AVAILABLE DATA
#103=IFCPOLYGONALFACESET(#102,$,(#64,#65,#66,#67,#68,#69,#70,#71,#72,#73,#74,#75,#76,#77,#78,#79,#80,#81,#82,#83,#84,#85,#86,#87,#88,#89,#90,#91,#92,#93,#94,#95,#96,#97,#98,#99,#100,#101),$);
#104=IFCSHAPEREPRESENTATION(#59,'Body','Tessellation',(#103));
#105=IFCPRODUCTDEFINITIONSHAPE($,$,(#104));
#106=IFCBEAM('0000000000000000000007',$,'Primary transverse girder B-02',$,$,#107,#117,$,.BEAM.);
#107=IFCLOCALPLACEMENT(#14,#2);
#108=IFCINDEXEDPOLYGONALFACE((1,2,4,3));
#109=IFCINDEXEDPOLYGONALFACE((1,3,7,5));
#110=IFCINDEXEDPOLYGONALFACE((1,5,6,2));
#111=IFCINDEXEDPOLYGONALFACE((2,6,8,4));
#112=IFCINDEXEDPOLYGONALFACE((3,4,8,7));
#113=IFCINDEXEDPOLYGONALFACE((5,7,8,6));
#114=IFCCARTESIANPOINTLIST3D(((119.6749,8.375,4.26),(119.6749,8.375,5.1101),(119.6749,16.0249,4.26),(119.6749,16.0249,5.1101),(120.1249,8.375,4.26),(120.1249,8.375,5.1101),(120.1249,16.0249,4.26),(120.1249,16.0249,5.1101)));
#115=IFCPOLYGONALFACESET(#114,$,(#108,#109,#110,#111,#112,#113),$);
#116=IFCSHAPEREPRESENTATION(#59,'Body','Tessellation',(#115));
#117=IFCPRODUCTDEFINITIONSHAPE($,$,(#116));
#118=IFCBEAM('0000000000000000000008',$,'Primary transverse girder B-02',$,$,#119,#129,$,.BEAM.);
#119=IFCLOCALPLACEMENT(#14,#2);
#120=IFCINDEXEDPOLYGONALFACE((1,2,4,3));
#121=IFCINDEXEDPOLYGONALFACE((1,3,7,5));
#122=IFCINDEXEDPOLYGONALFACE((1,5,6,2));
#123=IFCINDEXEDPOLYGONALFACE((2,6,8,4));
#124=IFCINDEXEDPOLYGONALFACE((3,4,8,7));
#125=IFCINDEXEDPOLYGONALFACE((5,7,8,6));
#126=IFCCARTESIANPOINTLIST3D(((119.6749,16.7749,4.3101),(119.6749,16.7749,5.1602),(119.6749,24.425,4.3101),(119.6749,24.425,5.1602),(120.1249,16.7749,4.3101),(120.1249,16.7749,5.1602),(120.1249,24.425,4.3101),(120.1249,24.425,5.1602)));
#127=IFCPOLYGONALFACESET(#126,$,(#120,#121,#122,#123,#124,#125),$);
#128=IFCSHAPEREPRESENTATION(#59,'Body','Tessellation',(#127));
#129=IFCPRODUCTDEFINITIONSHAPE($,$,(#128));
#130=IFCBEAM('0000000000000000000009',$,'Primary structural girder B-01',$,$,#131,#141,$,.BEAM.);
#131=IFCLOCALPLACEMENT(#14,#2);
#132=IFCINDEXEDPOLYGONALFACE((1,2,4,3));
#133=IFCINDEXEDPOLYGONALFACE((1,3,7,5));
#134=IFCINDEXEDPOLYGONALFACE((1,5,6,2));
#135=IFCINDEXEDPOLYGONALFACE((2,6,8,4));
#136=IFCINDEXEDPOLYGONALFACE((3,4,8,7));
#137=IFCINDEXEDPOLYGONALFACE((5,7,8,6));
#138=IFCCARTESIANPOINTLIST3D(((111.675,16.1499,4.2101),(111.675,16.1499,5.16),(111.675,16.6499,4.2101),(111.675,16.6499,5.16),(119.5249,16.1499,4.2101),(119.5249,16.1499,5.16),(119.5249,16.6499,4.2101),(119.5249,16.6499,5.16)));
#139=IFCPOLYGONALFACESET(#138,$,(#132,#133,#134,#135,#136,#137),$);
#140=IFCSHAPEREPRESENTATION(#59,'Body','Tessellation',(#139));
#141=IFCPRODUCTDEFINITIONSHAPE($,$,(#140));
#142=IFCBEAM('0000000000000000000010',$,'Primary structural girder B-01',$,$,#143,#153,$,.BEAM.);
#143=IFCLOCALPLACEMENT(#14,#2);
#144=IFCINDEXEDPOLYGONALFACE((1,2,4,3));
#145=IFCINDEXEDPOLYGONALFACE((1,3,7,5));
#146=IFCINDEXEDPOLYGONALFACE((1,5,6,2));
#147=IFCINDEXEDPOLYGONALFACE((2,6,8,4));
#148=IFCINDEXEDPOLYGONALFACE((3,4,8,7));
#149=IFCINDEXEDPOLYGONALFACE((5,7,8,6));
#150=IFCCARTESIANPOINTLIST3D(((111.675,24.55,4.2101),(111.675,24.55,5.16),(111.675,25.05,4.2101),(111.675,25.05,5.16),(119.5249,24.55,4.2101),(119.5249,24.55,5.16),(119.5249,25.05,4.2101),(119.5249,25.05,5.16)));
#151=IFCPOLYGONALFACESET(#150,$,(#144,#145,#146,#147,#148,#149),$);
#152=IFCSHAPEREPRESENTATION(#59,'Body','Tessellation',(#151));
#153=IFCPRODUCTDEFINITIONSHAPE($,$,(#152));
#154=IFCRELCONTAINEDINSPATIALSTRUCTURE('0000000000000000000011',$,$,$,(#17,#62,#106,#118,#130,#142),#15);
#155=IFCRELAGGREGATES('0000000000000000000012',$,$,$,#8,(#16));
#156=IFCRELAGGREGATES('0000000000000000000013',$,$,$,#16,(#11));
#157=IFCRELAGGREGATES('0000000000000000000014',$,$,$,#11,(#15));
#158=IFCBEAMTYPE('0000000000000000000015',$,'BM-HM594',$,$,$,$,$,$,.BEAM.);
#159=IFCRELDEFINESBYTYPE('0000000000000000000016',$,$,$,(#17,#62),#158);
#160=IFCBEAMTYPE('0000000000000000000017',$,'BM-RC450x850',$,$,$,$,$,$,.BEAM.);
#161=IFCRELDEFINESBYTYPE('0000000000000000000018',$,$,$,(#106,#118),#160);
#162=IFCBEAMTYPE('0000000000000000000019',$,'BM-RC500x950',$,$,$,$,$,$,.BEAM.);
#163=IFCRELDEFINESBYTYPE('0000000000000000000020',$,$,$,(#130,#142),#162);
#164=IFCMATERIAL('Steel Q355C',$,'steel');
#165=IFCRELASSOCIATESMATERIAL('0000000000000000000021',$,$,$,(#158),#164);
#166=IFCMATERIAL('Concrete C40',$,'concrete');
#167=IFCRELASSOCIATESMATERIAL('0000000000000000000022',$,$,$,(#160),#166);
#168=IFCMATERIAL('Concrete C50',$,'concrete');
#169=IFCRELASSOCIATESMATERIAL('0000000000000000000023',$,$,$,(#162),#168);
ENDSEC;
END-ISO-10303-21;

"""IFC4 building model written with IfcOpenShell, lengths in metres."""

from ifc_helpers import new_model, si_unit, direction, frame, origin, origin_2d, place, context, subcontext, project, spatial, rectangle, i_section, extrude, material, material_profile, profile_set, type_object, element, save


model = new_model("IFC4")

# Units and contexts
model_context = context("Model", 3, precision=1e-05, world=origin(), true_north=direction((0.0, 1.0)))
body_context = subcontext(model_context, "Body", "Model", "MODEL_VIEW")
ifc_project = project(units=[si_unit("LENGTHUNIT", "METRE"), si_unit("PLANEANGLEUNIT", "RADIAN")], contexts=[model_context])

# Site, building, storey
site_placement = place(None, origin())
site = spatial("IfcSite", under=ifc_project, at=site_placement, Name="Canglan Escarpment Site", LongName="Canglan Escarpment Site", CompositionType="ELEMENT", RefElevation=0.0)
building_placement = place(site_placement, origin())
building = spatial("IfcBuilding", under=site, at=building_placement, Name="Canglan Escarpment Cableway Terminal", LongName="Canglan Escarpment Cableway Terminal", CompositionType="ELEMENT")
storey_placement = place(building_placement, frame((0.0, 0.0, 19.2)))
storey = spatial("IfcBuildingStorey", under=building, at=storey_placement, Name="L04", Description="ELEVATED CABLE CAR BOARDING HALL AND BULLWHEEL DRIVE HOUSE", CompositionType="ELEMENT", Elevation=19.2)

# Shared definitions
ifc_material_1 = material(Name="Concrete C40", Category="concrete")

WORK INSTRUCTION
Return exactly the lines above from the line that has "#110=IFCINDEXEDPOLYGONALFACE((1,5,6,2));" through the line that has "#113=IFCINDEXEDPOLYGONALFACE((5,7,8,6));", inclusive, and nothing else.

TASK SOLUTION
#110=IFCINDEXEDPOLYGONALFACE((1,5,6,2));
#111=IFCINDEXEDPOLYGONALFACE((2,6,8,4));
#112=IFCINDEXEDPOLYGONALFACE((3,4,8,7));
#113=IFCINDEXEDPOLYGONALFACE((5,7,8,6));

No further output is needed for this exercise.